▶

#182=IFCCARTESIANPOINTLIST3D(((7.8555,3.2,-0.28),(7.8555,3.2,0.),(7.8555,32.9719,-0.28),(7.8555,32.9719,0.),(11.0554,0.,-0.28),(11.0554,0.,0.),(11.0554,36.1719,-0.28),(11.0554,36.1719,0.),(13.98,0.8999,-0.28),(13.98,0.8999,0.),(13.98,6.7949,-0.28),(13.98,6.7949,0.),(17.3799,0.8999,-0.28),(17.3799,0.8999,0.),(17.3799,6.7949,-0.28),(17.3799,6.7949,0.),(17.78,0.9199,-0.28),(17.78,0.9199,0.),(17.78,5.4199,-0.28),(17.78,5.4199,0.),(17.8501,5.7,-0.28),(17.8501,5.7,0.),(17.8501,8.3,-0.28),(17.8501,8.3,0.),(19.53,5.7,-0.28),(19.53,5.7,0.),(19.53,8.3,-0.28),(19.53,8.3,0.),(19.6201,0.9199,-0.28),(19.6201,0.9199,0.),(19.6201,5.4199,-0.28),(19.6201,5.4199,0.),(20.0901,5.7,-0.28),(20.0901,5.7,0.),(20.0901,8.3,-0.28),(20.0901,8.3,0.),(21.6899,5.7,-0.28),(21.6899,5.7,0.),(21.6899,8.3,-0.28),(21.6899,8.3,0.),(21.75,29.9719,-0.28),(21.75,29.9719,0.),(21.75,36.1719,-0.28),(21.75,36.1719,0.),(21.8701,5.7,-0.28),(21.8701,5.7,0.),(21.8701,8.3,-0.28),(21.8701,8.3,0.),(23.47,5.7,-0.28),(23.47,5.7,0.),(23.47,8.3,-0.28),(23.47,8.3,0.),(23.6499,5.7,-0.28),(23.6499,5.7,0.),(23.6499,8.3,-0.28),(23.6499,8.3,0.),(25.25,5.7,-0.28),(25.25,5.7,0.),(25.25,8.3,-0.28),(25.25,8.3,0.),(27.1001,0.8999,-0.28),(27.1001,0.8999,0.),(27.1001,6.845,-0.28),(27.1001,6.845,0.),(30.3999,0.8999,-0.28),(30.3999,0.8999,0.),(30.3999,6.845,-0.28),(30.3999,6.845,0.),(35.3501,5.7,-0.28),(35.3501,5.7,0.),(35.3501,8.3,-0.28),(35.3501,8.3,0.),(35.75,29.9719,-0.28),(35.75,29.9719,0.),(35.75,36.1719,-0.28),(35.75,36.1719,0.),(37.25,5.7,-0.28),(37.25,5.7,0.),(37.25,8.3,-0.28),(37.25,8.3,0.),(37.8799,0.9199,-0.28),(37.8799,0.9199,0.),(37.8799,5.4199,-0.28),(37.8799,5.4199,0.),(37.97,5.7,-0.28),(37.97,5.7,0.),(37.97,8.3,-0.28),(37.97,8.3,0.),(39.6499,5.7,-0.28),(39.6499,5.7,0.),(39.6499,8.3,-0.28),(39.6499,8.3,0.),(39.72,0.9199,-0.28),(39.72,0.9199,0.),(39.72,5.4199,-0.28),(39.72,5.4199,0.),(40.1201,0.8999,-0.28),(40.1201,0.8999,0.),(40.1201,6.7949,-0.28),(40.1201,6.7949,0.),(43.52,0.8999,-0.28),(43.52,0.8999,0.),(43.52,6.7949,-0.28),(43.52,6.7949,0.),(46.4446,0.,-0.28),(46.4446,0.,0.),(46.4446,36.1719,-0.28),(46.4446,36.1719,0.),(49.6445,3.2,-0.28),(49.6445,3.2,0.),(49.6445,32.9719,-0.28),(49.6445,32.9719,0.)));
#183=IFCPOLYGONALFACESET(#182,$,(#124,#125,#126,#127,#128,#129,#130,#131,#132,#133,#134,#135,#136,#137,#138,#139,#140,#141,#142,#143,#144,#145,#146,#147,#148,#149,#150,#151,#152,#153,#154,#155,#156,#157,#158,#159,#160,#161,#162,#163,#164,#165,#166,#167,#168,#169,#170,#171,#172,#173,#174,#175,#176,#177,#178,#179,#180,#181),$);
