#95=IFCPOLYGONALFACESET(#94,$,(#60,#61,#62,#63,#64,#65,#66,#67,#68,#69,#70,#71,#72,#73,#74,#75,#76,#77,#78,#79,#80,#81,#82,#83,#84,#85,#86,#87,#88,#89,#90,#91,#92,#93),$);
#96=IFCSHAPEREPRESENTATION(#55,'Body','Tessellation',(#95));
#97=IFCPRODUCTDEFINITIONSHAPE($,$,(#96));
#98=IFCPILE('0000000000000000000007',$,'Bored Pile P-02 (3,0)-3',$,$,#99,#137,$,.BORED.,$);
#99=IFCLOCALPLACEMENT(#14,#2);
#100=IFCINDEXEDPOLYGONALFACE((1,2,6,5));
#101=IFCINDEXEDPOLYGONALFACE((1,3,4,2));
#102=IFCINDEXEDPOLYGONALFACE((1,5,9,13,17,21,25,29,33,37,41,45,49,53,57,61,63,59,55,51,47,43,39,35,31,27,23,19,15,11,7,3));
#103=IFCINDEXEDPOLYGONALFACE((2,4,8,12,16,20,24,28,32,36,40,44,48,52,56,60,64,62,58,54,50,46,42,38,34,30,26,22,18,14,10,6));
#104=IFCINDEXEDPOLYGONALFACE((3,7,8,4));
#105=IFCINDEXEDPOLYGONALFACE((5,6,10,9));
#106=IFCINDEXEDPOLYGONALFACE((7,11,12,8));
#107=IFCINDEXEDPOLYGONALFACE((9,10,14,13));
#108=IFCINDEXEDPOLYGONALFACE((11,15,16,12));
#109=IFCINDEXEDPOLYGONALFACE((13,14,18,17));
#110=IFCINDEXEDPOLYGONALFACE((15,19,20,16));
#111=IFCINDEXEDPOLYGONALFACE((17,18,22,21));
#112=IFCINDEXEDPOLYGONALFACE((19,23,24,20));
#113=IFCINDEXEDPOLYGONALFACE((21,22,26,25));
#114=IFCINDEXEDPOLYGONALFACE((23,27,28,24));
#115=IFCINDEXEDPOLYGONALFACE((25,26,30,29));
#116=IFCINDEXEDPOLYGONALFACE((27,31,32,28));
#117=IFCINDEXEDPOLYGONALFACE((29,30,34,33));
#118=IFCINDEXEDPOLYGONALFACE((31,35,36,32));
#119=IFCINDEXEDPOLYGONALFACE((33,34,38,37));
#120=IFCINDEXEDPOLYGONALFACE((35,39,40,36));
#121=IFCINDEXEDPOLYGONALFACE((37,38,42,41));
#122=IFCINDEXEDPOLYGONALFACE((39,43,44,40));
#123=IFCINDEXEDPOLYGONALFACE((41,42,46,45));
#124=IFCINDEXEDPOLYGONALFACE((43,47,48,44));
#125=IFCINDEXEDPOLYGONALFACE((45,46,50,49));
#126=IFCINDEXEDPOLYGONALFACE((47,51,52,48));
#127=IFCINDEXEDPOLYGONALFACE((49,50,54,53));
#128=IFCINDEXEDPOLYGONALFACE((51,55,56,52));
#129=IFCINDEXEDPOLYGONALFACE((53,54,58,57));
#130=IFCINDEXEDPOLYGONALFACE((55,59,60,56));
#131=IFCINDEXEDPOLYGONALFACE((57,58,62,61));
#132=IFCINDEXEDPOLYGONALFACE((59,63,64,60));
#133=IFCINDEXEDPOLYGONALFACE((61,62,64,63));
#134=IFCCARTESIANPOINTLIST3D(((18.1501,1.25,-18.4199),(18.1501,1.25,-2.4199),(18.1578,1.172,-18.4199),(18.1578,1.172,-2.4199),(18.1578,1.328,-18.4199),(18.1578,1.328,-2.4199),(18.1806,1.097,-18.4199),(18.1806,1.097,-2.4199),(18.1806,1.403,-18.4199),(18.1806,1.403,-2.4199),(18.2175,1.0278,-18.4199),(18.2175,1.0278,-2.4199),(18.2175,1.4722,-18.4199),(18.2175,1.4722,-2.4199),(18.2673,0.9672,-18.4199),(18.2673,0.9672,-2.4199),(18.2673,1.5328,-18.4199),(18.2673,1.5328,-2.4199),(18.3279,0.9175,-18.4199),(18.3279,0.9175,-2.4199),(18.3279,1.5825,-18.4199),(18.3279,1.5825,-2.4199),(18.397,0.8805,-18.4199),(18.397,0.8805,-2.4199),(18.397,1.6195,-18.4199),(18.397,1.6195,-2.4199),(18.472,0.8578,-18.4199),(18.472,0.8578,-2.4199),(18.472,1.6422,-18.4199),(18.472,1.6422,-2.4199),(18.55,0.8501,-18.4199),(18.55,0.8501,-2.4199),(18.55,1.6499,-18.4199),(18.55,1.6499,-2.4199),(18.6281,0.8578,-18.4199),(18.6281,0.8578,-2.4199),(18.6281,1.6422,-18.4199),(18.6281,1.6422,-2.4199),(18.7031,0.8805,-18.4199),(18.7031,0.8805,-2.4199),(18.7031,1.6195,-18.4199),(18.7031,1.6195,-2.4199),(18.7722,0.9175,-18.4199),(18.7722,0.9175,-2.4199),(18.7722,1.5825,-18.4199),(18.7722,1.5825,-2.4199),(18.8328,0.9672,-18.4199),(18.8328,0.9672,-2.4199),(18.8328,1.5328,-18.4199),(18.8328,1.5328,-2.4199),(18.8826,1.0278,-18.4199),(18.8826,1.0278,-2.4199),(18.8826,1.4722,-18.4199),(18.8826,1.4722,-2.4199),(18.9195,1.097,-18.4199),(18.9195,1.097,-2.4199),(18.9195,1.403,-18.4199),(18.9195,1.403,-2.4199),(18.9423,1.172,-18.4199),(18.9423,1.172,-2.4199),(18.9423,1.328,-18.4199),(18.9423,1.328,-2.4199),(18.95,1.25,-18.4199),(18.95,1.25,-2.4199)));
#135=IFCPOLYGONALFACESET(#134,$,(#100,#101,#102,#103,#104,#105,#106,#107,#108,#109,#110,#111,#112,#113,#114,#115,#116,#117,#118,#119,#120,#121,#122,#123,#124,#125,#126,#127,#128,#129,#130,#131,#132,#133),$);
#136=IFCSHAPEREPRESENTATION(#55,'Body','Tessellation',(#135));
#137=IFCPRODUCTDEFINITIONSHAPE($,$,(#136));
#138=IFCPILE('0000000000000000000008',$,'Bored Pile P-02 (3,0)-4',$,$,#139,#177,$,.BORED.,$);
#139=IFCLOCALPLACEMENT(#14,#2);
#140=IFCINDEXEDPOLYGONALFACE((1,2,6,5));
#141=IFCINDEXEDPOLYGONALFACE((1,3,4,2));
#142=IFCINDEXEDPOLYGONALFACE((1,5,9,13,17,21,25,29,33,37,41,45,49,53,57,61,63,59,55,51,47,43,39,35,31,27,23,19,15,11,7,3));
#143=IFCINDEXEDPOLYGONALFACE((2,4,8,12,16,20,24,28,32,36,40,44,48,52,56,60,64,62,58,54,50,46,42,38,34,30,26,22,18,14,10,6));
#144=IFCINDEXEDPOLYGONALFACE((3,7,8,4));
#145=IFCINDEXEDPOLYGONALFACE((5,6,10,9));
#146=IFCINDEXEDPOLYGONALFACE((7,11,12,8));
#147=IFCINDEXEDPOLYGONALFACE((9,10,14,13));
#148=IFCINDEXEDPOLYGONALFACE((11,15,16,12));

◀

EXERCISE DESCRIPTION - Give an exact copy of the lines above from the line with "#118=IFCINDEXEDPOLYGONALFACE((31,35,36,32));" up to and including the line with "#133=IFCINDEXEDPOLYGONALFACE((61,62,64,63));", and leave everything else out.

RESULT OF THE EXERCISE -
#118=IFCINDEXEDPOLYGONALFACE((31,35,36,32));
#119=IFCINDEXEDPOLYGONALFACE((33,34,38,37));
#120=IFCINDEXEDPOLYGONALFACE((35,39,40,36));
#121=IFCINDEXEDPOLYGONALFACE((37,38,42,41));
#122=IFCINDEXEDPOLYGONALFACE((39,43,44,40));
#123=IFCINDEXEDPOLYGONALFACE((41,42,46,45));
#124=IFCINDEXEDPOLYGONALFACE((43,47,48,44));
#125=IFCINDEXEDPOLYGONALFACE((45,46,50,49));
#126=IFCINDEXEDPOLYGONALFACE((47,51,52,48));
#127=IFCINDEXEDPOLYGONALFACE((49,50,54,53));
#128=IFCINDEXEDPOLYGONALFACE((51,55,56,52));
#129=IFCINDEXEDPOLYGONALFACE((53,54,58,57));
#130=IFCINDEXEDPOLYGONALFACE((55,59,60,56));
#131=IFCINDEXEDPOLYGONALFACE((57,58,62,61));
#132=IFCINDEXEDPOLYGONALFACE((59,63,64,60));
#133=IFCINDEXEDPOLYGONALFACE((61,62,64,63));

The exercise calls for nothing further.